* Your goal: The listing below holds a line with "#211=IFCMEMBERTYPE('0000000000000000000012',$,'BELT BRACE CHS" and a later line with "END-ISO-10303-21;". Write out those two lines and every line between them, exactly, and nothing else.

* Given data:
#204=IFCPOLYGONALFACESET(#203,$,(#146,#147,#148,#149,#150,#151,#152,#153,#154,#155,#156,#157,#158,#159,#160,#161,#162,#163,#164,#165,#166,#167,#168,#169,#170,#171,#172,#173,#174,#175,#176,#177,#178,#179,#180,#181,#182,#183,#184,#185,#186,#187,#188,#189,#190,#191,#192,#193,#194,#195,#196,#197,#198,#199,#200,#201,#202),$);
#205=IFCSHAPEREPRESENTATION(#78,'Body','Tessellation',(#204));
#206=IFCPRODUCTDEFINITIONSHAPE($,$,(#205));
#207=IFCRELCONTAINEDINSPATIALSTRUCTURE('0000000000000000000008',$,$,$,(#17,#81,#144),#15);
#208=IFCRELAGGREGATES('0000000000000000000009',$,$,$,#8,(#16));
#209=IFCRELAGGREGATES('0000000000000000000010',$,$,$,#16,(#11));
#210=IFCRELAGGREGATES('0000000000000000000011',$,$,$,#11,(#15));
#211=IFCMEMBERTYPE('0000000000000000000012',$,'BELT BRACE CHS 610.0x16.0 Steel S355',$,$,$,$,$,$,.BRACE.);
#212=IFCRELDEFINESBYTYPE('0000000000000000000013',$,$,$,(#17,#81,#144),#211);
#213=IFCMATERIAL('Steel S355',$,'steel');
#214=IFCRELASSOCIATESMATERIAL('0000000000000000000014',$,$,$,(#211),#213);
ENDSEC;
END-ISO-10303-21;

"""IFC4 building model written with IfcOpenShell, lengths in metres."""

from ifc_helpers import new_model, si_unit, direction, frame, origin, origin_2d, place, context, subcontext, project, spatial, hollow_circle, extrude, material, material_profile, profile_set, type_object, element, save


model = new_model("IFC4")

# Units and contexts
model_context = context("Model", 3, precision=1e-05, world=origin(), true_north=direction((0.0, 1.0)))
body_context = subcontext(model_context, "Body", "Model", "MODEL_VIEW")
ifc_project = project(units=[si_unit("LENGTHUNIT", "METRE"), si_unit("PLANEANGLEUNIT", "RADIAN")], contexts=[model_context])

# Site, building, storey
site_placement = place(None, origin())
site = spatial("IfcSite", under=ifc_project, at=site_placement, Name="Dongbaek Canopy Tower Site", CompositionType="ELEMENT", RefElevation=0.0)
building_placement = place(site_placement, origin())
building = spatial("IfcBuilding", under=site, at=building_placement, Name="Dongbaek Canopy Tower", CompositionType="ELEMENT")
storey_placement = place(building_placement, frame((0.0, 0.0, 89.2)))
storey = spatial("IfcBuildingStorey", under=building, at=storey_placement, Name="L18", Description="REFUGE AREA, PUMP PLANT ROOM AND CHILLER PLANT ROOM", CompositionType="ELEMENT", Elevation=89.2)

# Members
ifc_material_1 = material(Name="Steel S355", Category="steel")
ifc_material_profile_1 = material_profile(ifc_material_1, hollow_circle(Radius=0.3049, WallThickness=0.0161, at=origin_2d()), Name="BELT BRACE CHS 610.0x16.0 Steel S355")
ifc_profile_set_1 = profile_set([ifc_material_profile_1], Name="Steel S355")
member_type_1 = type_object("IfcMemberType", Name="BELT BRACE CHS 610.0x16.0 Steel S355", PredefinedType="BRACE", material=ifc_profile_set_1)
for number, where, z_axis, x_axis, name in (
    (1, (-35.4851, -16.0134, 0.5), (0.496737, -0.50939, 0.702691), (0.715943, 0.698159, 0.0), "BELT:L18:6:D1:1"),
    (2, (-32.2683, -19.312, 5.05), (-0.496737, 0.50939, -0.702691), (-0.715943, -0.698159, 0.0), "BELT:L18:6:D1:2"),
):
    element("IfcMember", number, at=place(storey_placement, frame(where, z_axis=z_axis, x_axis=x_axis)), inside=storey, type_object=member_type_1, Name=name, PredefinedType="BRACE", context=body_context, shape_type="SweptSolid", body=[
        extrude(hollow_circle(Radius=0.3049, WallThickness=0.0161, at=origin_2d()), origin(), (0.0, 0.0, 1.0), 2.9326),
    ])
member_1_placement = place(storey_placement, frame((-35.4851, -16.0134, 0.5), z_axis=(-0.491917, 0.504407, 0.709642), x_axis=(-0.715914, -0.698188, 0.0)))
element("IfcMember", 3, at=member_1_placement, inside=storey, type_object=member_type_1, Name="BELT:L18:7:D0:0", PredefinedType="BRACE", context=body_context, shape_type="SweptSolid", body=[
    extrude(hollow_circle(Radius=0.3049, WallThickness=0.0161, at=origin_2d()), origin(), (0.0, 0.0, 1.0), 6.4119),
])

* Answer section:
#211=IFCMEMBERTYPE('0000000000000000000012',$,'BELT BRACE CHS 610.0x16.0 Steel S355',$,$,$,$,$,$,.BRACE.);
#212=IFCRELDEFINESBYTYPE('0000000000000000000013',$,$,$,(#17,#81,#144),#211);
#213=IFCMATERIAL('Steel S355',$,'steel');
#214=IFCRELASSOCIATESMATERIAL('0000000000000000000014',$,$,$,(#211),#213);
ENDSEC;
END-ISO-10303-21;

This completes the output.